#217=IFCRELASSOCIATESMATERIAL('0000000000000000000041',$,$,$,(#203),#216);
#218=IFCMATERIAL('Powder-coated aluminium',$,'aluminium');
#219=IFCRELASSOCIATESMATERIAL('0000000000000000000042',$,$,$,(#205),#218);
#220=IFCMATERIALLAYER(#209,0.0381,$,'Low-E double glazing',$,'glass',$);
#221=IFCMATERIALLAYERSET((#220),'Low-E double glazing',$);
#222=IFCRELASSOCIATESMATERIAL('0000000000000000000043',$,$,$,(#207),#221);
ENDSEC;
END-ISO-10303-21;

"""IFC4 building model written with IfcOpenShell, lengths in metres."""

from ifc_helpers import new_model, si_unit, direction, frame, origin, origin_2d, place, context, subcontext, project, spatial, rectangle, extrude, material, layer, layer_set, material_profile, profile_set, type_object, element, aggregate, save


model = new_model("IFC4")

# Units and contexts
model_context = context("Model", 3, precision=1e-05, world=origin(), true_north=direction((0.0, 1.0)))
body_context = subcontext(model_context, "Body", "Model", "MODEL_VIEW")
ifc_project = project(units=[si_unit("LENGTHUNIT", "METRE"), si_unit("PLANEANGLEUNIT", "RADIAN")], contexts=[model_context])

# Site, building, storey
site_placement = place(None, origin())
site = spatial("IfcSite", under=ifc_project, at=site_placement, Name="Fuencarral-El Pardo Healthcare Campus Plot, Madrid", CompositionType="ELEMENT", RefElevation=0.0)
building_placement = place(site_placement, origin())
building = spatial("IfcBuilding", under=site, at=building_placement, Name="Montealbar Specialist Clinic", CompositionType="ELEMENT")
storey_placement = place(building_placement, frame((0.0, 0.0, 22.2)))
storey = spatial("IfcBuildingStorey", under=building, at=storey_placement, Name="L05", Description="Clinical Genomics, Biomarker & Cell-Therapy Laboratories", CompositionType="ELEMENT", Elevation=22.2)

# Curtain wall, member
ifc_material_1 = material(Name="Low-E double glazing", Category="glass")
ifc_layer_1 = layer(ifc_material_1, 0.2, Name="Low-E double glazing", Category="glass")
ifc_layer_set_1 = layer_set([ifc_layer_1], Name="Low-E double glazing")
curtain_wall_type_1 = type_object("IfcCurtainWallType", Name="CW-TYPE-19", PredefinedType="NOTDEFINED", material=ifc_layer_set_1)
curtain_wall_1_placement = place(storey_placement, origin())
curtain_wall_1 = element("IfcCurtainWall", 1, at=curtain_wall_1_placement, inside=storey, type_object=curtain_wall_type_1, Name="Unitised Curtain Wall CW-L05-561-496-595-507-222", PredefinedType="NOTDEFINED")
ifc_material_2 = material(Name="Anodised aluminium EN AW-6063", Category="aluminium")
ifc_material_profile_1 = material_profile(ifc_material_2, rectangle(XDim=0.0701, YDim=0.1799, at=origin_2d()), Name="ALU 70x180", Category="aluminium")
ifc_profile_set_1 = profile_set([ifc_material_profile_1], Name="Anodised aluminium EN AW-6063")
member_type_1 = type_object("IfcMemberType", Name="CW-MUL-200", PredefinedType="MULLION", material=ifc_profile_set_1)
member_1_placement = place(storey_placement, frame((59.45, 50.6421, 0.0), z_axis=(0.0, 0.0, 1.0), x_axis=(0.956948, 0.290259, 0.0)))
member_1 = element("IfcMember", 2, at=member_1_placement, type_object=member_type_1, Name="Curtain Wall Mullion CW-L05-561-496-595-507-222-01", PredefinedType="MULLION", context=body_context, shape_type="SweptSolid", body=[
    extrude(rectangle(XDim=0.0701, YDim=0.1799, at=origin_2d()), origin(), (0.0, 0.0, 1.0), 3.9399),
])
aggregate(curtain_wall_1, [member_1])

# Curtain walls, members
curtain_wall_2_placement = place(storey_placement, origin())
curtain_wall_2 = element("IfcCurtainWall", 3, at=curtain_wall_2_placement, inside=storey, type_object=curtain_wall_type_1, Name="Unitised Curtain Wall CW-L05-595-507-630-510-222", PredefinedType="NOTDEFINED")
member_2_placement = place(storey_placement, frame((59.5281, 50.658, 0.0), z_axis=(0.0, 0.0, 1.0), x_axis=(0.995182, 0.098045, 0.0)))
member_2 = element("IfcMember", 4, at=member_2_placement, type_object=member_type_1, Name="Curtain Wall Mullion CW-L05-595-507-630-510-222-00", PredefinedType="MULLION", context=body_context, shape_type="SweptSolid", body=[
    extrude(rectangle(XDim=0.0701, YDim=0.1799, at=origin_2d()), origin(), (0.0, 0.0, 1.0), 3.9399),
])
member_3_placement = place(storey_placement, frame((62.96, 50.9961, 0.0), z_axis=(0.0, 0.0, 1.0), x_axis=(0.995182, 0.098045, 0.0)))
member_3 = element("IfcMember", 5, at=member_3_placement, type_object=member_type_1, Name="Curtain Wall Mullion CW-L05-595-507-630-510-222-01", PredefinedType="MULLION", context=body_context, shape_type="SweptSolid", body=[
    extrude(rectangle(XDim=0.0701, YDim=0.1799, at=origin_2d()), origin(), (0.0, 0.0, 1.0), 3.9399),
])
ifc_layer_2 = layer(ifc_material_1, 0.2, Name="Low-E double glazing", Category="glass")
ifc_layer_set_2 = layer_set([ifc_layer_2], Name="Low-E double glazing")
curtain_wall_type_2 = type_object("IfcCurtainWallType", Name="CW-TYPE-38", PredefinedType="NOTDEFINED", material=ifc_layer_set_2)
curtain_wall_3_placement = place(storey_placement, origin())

**PROBLEM**
Using the records above, copy every line that has the word "PredefinedType" in it.

**WRITTEN REPLY**
curtain_wall_type_1 = type_object("IfcCurtainWallType", Name="CW-TYPE-19", PredefinedType="NOTDEFINED", material=ifc_layer_set_1)
curtain_wall_1 = element("IfcCurtainWall", 1, at=curtain_wall_1_placement, inside=storey, type_object=curtain_wall_type_1, Name="Unitised Curtain Wall CW-L05-561-496-595-507-222", PredefinedType="NOTDEFINED")
member_type_1 = type_object("IfcMemberType", Name="CW-MUL-200", PredefinedType="MULLION", material=ifc_profile_set_1)
member_1 = element("IfcMember", 2, at=member_1_placement, type_object=member_type_1, Name="Curtain Wall Mullion CW-L05-561-496-595-507-222-01", PredefinedType="MULLION", context=body_context, shape_type="SweptSolid", body=[
curtain_wall_2 = element("IfcCurtainWall", 3, at=curtain_wall_2_placement, inside=storey, type_object=curtain_wall_type_1, Name="Unitised Curtain Wall CW-L05-595-507-630-510-222", PredefinedType="NOTDEFINED")
member_2 = element("IfcMember", 4, at=member_2_placement, type_object=member_type_1, Name="Curtain Wall Mullion CW-L05-595-507-630-510-222-00", PredefinedType="MULLION", context=body_context, shape_type="SweptSolid", body=[
member_3 = element("IfcMember", 5, at=member_3_placement, type_object=member_type_1, Name="Curtain Wall Mullion CW-L05-595-507-630-510-222-01", PredefinedType="MULLION", context=body_context, shape_type="SweptSolid", body=[
curtain_wall_type_2 = type_object("IfcCurtainWallType", Name="CW-TYPE-38", PredefinedType="NOTDEFINED", material=ifc_layer_set_2)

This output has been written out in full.